Task requirements:
Take the data below and extract the lines from the one with "#44=IFCINDEXEDPOLYGONALFACE((43,51,52,44));" to the one with "#62=IFCINDEXEDPOLYGONALFACE((81,82,84,83));", inclusive, exactly as written.

Saved entries:
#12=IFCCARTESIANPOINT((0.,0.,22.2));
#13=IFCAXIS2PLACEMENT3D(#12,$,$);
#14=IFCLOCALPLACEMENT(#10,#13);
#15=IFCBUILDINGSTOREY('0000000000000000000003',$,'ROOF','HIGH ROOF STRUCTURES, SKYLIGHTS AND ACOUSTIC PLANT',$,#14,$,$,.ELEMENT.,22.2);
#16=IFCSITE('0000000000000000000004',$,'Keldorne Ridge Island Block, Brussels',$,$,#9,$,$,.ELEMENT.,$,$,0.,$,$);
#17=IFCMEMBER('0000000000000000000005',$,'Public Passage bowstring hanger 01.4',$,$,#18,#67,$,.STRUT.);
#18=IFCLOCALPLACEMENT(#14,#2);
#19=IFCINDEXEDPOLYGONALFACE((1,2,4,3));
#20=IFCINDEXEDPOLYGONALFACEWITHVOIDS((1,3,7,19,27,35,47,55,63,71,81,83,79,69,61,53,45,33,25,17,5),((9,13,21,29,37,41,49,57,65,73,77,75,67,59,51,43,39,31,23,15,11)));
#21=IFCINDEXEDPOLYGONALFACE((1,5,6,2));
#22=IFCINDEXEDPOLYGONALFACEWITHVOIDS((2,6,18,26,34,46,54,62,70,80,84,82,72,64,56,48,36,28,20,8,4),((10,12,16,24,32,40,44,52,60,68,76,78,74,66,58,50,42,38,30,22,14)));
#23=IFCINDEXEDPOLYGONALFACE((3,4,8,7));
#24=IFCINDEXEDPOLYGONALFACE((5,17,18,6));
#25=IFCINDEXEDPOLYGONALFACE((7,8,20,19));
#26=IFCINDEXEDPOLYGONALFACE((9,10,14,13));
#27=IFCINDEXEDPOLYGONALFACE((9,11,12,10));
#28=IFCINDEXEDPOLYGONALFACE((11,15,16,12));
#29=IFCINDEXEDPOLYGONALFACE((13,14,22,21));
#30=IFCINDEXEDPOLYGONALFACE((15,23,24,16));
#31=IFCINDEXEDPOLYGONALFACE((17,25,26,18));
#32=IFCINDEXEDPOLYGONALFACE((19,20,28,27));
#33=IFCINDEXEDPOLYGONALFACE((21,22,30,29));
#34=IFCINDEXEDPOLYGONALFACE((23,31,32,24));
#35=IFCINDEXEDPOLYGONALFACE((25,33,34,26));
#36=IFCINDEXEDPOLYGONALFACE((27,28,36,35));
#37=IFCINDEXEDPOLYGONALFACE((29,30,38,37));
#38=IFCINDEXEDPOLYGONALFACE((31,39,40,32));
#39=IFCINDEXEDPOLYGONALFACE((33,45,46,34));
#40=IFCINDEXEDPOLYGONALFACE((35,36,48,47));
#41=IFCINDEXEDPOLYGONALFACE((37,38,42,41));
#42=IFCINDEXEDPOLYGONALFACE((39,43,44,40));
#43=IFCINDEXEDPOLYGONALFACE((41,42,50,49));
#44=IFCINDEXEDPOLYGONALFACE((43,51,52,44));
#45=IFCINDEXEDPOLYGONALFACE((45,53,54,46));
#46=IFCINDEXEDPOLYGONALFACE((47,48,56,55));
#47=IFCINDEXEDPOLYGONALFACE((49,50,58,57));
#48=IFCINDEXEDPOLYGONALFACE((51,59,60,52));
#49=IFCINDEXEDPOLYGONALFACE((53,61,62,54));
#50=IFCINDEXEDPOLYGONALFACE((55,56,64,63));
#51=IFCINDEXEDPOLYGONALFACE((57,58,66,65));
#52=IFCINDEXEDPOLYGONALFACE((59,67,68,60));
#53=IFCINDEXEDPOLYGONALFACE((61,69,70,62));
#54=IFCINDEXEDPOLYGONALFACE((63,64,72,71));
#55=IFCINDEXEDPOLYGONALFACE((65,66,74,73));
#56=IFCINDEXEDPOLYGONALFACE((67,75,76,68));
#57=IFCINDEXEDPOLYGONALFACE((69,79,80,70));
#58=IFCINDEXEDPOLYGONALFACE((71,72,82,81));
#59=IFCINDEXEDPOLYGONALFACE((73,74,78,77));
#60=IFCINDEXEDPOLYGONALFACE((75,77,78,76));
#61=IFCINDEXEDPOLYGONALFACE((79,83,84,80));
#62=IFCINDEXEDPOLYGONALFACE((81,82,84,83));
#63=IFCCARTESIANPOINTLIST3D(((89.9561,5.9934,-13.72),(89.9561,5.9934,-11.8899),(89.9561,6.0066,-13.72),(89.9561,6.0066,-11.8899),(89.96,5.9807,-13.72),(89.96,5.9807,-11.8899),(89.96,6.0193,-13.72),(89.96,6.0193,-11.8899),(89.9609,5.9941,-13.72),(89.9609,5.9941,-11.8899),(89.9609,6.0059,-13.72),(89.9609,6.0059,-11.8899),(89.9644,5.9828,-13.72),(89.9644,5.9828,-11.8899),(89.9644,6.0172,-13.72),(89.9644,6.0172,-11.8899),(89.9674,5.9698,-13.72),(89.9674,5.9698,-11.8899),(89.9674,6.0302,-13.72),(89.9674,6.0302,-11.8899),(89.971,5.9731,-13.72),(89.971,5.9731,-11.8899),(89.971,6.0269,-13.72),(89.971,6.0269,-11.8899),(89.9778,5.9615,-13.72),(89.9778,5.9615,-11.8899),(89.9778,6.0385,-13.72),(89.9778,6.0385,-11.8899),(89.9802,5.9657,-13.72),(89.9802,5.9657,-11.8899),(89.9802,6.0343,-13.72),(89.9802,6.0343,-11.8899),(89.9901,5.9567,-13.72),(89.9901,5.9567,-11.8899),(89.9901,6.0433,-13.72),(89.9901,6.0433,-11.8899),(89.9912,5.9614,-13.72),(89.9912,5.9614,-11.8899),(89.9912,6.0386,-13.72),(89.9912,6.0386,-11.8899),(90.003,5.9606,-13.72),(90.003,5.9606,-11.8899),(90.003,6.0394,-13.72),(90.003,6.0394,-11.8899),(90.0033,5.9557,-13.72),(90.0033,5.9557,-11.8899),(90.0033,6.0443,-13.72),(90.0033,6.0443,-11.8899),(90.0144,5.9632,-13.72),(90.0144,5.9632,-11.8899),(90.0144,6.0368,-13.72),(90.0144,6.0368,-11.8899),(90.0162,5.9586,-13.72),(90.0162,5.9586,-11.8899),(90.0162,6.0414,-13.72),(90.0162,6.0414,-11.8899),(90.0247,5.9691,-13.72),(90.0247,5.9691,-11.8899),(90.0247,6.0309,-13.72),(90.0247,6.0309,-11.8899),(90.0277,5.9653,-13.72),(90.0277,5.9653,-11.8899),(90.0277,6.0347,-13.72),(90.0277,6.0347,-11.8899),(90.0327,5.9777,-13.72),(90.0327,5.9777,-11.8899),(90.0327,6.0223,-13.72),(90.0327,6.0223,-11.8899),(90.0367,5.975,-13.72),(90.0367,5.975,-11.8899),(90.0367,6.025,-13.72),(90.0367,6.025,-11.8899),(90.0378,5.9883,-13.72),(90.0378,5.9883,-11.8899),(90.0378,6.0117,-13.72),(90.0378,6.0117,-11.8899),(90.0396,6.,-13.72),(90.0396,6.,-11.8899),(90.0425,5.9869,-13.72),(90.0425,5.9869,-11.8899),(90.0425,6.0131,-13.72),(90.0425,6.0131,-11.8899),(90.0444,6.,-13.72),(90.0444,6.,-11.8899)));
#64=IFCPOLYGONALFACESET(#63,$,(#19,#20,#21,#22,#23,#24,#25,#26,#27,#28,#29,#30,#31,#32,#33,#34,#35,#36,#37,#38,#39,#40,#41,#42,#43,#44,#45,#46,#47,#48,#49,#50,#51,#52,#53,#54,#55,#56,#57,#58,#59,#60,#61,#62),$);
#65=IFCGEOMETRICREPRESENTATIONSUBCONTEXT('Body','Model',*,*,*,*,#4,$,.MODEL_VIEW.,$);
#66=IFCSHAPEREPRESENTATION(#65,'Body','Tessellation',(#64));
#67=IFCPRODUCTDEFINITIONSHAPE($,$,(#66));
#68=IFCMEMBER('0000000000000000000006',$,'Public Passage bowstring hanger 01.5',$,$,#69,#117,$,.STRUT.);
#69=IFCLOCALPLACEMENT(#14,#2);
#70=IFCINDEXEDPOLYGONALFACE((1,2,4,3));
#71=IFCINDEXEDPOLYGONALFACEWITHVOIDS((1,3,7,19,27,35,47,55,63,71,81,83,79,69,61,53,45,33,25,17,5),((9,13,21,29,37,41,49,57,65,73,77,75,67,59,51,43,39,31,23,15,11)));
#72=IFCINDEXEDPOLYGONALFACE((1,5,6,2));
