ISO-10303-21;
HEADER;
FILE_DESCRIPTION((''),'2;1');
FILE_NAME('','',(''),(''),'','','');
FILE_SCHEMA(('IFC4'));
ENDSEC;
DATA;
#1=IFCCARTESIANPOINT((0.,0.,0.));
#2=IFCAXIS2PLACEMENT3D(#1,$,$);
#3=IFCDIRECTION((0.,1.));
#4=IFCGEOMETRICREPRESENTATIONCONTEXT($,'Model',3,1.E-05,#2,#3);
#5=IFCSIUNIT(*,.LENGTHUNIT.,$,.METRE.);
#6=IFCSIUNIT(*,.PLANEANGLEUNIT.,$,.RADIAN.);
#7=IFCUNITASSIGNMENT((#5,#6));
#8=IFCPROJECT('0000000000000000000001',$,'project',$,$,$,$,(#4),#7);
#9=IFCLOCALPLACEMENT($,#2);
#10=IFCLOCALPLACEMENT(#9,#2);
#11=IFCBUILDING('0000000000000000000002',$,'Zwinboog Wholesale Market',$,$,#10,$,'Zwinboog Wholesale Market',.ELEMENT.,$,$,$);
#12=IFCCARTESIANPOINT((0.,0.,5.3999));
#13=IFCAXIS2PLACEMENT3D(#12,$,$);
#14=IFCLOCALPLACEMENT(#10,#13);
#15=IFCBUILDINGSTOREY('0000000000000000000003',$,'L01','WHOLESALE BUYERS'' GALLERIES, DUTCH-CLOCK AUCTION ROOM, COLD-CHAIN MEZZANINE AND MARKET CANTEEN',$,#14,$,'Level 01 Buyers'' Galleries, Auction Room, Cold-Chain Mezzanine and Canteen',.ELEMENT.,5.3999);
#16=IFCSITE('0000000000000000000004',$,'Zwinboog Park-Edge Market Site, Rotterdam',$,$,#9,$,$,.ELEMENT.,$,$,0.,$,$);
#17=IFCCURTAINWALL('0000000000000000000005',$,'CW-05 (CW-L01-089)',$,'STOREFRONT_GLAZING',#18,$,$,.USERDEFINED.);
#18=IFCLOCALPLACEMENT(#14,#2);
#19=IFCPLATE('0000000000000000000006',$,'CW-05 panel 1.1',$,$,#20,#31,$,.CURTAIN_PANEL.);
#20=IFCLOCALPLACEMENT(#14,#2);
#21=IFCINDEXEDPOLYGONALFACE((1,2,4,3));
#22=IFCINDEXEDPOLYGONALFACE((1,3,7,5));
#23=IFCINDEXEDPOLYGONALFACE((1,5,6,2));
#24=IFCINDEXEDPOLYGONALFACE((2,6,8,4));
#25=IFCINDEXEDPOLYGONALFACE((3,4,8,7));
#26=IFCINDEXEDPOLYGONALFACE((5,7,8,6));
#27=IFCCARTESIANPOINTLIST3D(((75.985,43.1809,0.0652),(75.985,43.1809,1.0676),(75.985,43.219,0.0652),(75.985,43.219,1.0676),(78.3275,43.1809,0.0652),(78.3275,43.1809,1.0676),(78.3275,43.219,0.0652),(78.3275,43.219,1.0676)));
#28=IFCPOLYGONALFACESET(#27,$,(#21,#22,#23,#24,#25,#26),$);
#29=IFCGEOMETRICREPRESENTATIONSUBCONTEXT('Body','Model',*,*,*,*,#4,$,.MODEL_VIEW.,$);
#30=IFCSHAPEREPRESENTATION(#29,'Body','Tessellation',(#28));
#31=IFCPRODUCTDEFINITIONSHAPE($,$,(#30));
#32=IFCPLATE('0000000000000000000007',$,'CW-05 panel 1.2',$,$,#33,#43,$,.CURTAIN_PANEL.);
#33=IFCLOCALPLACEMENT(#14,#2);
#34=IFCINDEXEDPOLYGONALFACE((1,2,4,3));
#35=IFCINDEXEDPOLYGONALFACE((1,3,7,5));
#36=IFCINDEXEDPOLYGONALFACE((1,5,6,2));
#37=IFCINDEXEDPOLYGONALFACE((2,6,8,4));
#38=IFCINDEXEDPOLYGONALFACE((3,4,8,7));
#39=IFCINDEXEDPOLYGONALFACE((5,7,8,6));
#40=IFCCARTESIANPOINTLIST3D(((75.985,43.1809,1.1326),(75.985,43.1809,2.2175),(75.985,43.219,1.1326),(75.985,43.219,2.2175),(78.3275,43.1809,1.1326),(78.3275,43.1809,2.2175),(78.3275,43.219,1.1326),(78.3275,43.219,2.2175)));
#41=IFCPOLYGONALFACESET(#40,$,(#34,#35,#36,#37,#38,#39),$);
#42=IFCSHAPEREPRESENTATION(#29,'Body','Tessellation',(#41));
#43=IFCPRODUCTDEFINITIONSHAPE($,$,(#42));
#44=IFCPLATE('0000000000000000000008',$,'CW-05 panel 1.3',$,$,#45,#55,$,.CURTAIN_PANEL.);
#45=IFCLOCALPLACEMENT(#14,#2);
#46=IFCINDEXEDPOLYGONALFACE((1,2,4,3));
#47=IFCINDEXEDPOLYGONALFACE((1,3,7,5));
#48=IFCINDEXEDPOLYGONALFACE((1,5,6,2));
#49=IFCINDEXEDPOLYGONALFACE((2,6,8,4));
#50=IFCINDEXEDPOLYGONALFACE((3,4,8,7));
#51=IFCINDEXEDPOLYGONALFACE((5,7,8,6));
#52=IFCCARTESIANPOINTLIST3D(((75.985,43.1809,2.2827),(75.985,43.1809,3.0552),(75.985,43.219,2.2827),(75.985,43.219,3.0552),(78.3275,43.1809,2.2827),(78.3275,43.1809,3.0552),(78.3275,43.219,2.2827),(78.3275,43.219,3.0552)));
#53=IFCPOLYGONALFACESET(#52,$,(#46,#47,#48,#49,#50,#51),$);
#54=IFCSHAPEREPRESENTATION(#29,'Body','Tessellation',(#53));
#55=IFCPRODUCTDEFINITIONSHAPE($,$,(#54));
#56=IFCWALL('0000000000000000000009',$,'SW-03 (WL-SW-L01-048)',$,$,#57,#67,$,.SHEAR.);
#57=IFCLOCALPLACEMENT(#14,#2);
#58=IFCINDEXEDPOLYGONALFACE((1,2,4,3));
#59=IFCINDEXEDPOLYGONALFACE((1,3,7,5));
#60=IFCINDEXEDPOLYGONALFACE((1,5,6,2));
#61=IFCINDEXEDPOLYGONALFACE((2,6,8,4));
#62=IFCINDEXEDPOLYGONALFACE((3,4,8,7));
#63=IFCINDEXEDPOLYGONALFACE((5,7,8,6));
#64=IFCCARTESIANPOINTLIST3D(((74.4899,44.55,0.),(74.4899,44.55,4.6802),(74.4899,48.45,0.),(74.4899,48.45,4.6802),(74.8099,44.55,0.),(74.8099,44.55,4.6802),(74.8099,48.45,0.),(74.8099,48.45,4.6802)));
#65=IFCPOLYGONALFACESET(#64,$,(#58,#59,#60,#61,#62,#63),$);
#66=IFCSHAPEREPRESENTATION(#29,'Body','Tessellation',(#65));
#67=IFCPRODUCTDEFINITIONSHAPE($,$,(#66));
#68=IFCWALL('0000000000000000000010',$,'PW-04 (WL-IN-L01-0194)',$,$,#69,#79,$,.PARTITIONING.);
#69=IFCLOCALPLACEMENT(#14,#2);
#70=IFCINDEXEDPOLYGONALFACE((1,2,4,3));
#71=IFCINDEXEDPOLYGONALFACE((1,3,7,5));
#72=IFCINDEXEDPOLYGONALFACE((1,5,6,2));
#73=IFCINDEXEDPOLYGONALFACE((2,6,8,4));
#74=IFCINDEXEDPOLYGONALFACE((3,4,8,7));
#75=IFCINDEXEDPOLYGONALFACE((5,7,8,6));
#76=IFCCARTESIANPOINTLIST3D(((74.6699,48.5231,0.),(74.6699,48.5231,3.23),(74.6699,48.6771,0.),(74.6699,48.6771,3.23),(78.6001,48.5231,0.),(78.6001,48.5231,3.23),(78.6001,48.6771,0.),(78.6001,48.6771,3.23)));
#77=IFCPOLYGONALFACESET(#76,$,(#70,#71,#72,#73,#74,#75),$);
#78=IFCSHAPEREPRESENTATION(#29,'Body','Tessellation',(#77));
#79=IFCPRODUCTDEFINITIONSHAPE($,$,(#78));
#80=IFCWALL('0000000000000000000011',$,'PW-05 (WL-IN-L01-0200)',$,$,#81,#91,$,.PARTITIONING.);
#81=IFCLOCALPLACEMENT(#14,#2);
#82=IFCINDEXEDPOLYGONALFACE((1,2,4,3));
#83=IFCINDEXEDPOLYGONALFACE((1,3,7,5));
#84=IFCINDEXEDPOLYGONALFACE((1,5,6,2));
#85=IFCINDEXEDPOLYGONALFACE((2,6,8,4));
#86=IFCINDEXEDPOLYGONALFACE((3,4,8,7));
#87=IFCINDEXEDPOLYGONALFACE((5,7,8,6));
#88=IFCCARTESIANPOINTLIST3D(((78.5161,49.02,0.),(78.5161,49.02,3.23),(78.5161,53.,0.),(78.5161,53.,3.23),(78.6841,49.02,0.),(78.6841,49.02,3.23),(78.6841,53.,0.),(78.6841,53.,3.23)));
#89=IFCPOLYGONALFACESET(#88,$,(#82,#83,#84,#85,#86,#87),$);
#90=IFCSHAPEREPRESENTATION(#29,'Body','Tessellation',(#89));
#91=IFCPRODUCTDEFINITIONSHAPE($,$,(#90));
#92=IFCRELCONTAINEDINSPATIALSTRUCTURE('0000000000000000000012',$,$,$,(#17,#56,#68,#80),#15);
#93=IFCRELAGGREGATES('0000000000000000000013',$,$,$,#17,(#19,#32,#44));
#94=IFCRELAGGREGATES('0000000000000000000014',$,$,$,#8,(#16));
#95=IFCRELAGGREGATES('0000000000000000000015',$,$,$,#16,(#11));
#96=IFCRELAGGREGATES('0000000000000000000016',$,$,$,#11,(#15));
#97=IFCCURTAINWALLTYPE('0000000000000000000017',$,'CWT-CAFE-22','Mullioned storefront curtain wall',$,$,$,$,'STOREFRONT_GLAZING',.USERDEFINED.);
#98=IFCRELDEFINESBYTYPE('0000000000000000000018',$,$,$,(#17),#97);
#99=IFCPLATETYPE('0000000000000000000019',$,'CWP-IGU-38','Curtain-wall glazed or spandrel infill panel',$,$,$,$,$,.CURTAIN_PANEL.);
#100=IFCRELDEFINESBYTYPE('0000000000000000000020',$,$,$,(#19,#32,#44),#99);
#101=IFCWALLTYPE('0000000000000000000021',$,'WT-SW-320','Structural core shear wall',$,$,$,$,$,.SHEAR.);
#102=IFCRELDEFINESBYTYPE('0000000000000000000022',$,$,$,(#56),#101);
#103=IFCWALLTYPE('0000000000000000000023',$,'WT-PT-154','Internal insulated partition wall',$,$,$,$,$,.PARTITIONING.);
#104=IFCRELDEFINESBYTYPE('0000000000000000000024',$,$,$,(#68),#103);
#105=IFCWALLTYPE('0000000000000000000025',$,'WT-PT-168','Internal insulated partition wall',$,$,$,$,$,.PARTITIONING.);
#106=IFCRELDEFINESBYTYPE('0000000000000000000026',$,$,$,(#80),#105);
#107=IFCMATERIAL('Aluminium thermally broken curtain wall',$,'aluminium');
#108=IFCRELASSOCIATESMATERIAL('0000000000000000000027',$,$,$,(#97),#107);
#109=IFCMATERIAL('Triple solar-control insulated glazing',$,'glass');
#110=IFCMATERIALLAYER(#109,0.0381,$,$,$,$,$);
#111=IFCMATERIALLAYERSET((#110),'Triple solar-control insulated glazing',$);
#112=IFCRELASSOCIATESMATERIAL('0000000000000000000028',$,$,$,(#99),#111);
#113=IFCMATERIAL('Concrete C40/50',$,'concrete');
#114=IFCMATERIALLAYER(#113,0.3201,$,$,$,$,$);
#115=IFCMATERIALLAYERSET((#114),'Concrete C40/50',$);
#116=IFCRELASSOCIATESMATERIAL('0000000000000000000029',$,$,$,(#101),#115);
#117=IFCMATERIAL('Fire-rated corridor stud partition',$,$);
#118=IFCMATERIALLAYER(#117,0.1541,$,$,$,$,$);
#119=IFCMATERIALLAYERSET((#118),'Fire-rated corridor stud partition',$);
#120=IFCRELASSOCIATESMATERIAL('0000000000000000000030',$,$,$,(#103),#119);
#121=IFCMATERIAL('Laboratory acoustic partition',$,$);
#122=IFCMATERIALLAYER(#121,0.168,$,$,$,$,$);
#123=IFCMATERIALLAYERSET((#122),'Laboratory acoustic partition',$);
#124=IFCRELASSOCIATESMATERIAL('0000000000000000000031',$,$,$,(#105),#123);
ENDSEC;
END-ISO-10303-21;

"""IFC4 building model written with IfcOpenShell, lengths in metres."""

from ifc_helpers import new_model, si_unit, direction, frame, frame_2d, origin, origin_2d, place, context, subcontext, project, spatial, rectangle, extrude, material, layer, layer_set, type_object, element, aggregate, save


model = new_model("IFC4")

# Units and contexts
model_context = context("Model", 3, precision=1e-05, world=origin(), true_north=direction((0.0, 1.0)))
body_context = subcontext(model_context, "Body", "Model", "MODEL_VIEW")
ifc_project = project(units=[si_unit("LENGTHUNIT", "METRE"), si_unit("PLANEANGLEUNIT", "RADIAN")], contexts=[model_context])

# Site, building, storey
site_placement = place(None, origin())
site = spatial("IfcSite", under=ifc_project, at=site_placement, Name="Zwinboog Park-Edge Market Site, Rotterdam", CompositionType="ELEMENT", RefElevation=0.0)
building_placement = place(site_placement, origin())
building = spatial("IfcBuilding", under=site, at=building_placement, Name="Zwinboog Wholesale Market", LongName="Zwinboog Wholesale Market", CompositionType="ELEMENT")
storey_placement = place(building_placement, frame((0.0, 0.0, 5.3999)))
storey = spatial("IfcBuildingStorey", under=building, at=storey_placement, Name="L01", Description="WHOLESALE BUYERS' GALLERIES, DUTCH-CLOCK AUCTION ROOM, COLD-CHAIN MEZZANINE AND MARKET CANTEEN", LongName="Level 01 Buyers' Galleries, Auction Room, Cold-Chain Mezzanine and Canteen", CompositionType="ELEMENT", Elevation=5.3999)

# Curtain wall
ifc_material_1 = material(Name="Aluminium thermally broken curtain wall", Category="aluminium")
curtain_wall_type_1 = type_object("IfcCurtainWallType", Name="CWT-CAFE-22", Description="Mullioned storefront curtain wall", ElementType="STOREFRONT_GLAZING", PredefinedType="USERDEFINED", material=ifc_material_1)
curtain_wall_1_placement = place(storey_placement, origin())
curtain_wall_1 = element("IfcCurtainWall", 1, at=curtain_wall_1_placement, inside=storey, type_object=curtain_wall_type_1, Name="CW-05 (CW-L01-089)", ObjectType="STOREFRONT_GLAZING", PredefinedType="USERDEFINED")

# Plates
ifc_material_2 = material(Name="Triple solar-control insulated glazing", Category="glass")
ifc_layer_1 = layer(ifc_material_2, 0.0381)
ifc_layer_set_1 = layer_set([ifc_layer_1], Name="Triple solar-control insulated glazing")
plate_type = type_object("IfcPlateType", Name="CWP-IGU-38", Description="Curtain-wall glazed or spandrel infill panel", PredefinedType="CURTAIN_PANEL", material=ifc_layer_set_1)
plate_1_placement = place(storey_placement, frame((77.1562, 43.2, 0.0652), z_axis=(0.0, 0.0, 1.0), x_axis=(1.0, 0.0, 0.0)))
plate_1 = element("IfcPlate", 2, at=plate_1_placement, type_object=plate_type, Name="CW-05 panel 1.1", PredefinedType="CURTAIN_PANEL", context=body_context, shape_type="SweptSolid", body=[
    extrude(rectangle(XDim=2.3425, YDim=0.0381, at=origin_2d()), origin(), (0.0, 0.0, 1.0), 1.0024),
])
plate_2_placement = place(storey_placement, frame((77.1562, 43.2, 1.1326), z_axis=(0.0, 0.0, 1.0), x_axis=(1.0, 0.0, 0.0)))
plate_2 = element("IfcPlate", 3, at=plate_2_placement, type_object=plate_type, Name="CW-05 panel 1.2", PredefinedType="CURTAIN_PANEL", context=body_context, shape_type="SweptSolid", body=[
    extrude(rectangle(XDim=2.3425, YDim=0.0381, at=origin_2d()), origin(), (0.0, 0.0, 1.0), 1.085),
])
plate_3_placement = place(storey_placement, frame((77.1562, 43.2, 2.2827), z_axis=(0.0, 0.0, 1.0), x_axis=(1.0, 0.0, 0.0)))
plate_3 = element("IfcPlate", 4, at=plate_3_placement, type_object=plate_type, Name="CW-05 panel 1.3", PredefinedType="CURTAIN_PANEL", context=body_context, shape_type="SweptSolid", body=[
    extrude(rectangle(XDim=2.3425, YDim=0.0381, at=origin_2d()), origin(), (0.0, 0.0, 1.0), 0.7725),
])
aggregate(curtain_wall_1, [plate_1, plate_2, plate_3])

Result for this exercise:
#44=IFCINDEXEDPOLYGONALFACE((43,51,52,44));
#45=IFCINDEXEDPOLYGONALFACE((45,53,54,46));
#46=IFCINDEXEDPOLYGONALFACE((47,48,56,55));
#47=IFCINDEXEDPOLYGONALFACE((49,50,58,57));
#48=IFCINDEXEDPOLYGONALFACE((51,59,60,52));
#49=IFCINDEXEDPOLYGONALFACE((53,61,62,54));
#50=IFCINDEXEDPOLYGONALFACE((55,56,64,63));
#51=IFCINDEXEDPOLYGONALFACE((57,58,66,65));
#52=IFCINDEXEDPOLYGONALFACE((59,67,68,60));
#53=IFCINDEXEDPOLYGONALFACE((61,69,70,62));
#54=IFCINDEXEDPOLYGONALFACE((63,64,72,71));
#55=IFCINDEXEDPOLYGONALFACE((65,66,74,73));
#56=IFCINDEXEDPOLYGONALFACE((67,75,76,68));
#57=IFCINDEXEDPOLYGONALFACE((69,79,80,70));
#58=IFCINDEXEDPOLYGONALFACE((71,72,82,81));
#59=IFCINDEXEDPOLYGONALFACE((73,74,78,77));
#60=IFCINDEXEDPOLYGONALFACE((75,77,78,76));
#61=IFCINDEXEDPOLYGONALFACE((79,83,84,80));
#62=IFCINDEXEDPOLYGONALFACE((81,82,84,83));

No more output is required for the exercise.